Items from a data source:
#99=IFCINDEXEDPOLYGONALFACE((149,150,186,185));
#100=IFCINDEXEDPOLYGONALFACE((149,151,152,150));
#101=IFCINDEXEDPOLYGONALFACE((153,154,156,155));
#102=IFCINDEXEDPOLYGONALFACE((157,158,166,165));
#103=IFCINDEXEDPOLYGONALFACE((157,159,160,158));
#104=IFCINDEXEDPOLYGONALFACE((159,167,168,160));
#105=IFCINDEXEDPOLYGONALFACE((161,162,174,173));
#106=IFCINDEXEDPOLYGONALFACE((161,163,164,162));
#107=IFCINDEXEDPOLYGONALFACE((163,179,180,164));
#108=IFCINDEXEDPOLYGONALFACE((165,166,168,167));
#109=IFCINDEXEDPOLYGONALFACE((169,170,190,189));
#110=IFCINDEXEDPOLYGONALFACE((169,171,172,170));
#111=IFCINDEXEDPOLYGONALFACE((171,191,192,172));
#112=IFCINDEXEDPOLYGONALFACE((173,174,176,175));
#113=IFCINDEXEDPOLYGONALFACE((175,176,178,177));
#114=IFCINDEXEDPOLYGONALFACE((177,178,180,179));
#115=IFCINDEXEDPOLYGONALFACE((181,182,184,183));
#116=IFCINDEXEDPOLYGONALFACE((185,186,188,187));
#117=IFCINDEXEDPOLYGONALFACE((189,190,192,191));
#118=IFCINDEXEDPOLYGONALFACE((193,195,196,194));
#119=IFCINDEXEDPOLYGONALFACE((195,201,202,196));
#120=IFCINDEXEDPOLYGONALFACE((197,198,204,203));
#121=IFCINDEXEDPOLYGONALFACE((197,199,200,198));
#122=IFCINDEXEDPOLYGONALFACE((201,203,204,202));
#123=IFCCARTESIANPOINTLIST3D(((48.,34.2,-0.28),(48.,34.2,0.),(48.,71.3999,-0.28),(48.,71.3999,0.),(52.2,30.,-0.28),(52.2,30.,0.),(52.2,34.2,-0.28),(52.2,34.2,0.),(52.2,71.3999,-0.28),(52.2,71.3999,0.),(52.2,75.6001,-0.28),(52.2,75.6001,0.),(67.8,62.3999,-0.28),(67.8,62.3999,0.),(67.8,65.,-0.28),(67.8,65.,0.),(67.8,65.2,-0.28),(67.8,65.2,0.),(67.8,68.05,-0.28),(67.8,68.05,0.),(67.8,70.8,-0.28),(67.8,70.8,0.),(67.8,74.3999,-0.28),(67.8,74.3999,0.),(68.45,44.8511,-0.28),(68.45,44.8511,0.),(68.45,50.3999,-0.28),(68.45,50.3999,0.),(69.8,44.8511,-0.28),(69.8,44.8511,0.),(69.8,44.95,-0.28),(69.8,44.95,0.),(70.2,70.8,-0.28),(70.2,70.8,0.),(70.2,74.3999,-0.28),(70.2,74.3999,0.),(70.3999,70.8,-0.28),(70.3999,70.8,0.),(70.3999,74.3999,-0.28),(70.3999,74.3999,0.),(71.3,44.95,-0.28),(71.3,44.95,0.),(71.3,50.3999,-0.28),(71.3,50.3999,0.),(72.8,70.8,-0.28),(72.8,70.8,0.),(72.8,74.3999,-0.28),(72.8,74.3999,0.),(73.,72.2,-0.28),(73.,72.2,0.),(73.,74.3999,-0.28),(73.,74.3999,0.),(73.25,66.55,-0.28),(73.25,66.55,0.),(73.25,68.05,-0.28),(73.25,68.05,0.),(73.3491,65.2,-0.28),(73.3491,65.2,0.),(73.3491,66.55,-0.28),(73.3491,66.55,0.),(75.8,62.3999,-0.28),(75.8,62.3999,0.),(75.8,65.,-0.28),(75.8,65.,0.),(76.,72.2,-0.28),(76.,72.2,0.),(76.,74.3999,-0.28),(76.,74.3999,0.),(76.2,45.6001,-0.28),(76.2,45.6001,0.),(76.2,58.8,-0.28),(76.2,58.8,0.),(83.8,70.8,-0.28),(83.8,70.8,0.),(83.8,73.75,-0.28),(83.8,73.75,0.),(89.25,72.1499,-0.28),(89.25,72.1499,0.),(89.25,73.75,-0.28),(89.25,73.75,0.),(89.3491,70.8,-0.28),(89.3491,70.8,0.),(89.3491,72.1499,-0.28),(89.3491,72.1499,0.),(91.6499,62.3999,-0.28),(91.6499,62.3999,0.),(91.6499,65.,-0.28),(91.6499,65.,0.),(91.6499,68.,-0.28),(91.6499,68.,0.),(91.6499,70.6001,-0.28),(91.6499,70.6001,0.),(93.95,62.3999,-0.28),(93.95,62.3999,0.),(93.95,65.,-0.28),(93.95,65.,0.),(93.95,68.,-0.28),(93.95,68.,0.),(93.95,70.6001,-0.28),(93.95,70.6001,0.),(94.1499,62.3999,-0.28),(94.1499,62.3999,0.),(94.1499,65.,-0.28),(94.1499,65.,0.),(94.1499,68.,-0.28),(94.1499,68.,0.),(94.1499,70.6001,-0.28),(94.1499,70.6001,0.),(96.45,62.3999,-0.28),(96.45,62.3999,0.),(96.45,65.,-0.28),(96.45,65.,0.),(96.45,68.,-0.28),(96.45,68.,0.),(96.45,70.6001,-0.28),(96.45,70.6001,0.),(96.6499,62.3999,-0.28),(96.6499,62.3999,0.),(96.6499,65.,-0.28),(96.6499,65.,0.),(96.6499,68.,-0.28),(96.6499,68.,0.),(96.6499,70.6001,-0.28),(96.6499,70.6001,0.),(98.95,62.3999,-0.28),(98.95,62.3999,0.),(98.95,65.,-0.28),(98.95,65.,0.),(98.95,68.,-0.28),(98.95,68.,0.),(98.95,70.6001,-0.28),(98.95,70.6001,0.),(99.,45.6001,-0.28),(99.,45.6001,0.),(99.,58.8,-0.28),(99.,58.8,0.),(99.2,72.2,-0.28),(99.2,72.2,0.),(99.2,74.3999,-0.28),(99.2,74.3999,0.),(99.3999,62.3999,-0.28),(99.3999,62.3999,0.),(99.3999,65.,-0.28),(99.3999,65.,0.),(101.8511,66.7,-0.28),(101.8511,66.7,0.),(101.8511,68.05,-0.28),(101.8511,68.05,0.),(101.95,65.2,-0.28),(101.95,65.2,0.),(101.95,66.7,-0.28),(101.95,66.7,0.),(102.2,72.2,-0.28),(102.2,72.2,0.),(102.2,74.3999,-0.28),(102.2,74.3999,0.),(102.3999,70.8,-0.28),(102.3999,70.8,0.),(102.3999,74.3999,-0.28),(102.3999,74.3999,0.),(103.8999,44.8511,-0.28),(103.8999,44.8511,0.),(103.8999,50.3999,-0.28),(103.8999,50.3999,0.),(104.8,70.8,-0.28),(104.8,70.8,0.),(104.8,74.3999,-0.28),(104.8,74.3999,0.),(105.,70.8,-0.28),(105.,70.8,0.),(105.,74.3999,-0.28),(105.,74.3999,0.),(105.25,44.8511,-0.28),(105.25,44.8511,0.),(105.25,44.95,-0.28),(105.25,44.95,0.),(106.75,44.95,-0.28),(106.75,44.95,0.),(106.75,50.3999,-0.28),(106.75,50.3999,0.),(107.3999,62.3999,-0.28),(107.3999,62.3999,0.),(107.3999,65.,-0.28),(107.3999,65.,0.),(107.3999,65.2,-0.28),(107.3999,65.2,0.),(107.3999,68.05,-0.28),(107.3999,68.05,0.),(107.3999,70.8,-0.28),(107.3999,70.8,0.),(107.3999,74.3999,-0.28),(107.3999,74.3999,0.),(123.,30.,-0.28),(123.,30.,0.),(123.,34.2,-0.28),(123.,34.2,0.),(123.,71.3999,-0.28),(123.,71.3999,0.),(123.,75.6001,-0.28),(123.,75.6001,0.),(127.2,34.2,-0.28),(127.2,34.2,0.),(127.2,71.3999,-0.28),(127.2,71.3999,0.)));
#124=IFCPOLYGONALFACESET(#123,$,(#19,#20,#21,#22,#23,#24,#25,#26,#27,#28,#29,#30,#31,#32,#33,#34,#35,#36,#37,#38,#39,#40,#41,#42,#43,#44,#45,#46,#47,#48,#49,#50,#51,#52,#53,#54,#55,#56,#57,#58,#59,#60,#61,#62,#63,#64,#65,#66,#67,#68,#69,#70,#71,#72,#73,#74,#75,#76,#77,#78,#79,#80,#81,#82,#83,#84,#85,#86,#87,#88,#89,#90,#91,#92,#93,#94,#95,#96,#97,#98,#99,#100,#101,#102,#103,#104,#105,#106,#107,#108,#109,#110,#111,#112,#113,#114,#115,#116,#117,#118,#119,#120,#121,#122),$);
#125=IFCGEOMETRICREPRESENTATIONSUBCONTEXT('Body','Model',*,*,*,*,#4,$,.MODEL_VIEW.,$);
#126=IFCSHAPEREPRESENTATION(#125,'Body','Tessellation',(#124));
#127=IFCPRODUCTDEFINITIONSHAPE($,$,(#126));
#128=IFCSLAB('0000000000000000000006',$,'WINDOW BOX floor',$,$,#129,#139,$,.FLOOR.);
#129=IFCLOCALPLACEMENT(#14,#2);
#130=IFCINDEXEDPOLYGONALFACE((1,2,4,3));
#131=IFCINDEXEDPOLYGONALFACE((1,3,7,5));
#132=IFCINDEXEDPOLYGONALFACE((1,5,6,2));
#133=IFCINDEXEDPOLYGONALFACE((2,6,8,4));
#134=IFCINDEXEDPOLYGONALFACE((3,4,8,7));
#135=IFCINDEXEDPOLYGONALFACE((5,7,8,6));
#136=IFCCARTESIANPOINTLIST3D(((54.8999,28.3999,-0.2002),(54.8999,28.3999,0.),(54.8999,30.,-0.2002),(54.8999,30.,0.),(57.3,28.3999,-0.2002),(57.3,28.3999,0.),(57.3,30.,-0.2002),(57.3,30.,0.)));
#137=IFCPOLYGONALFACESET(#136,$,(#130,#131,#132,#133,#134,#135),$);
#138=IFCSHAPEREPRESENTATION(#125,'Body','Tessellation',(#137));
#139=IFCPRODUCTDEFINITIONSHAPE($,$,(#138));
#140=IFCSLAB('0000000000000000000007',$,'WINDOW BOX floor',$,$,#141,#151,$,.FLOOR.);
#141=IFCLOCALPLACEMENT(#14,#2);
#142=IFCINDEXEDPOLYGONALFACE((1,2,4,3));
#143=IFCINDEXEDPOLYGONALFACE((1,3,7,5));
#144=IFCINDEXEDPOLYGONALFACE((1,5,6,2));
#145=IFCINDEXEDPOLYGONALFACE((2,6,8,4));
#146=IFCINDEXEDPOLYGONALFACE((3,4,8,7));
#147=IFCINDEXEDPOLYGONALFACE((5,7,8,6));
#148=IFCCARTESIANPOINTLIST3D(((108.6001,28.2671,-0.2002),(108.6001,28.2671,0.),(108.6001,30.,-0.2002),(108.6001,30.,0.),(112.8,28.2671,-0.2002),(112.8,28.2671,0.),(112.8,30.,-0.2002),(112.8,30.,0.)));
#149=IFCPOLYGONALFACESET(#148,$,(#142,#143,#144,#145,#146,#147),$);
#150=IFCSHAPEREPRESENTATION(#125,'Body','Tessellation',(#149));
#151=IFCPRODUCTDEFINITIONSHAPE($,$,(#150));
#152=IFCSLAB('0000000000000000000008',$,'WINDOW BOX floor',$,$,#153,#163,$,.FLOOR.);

§ **ABOUT THIS TASK**: Return only the lines of the records in which the string "Tessellation" appears.

§ **EXERCISE OUTPUT**:
#126=IFCSHAPEREPRESENTATION(#125,'Body','Tessellation',(#124));
#138=IFCSHAPEREPRESENTATION(#125,'Body','Tessellation',(#137));
#150=IFCSHAPEREPRESENTATION(#125,'Body','Tessellation',(#149));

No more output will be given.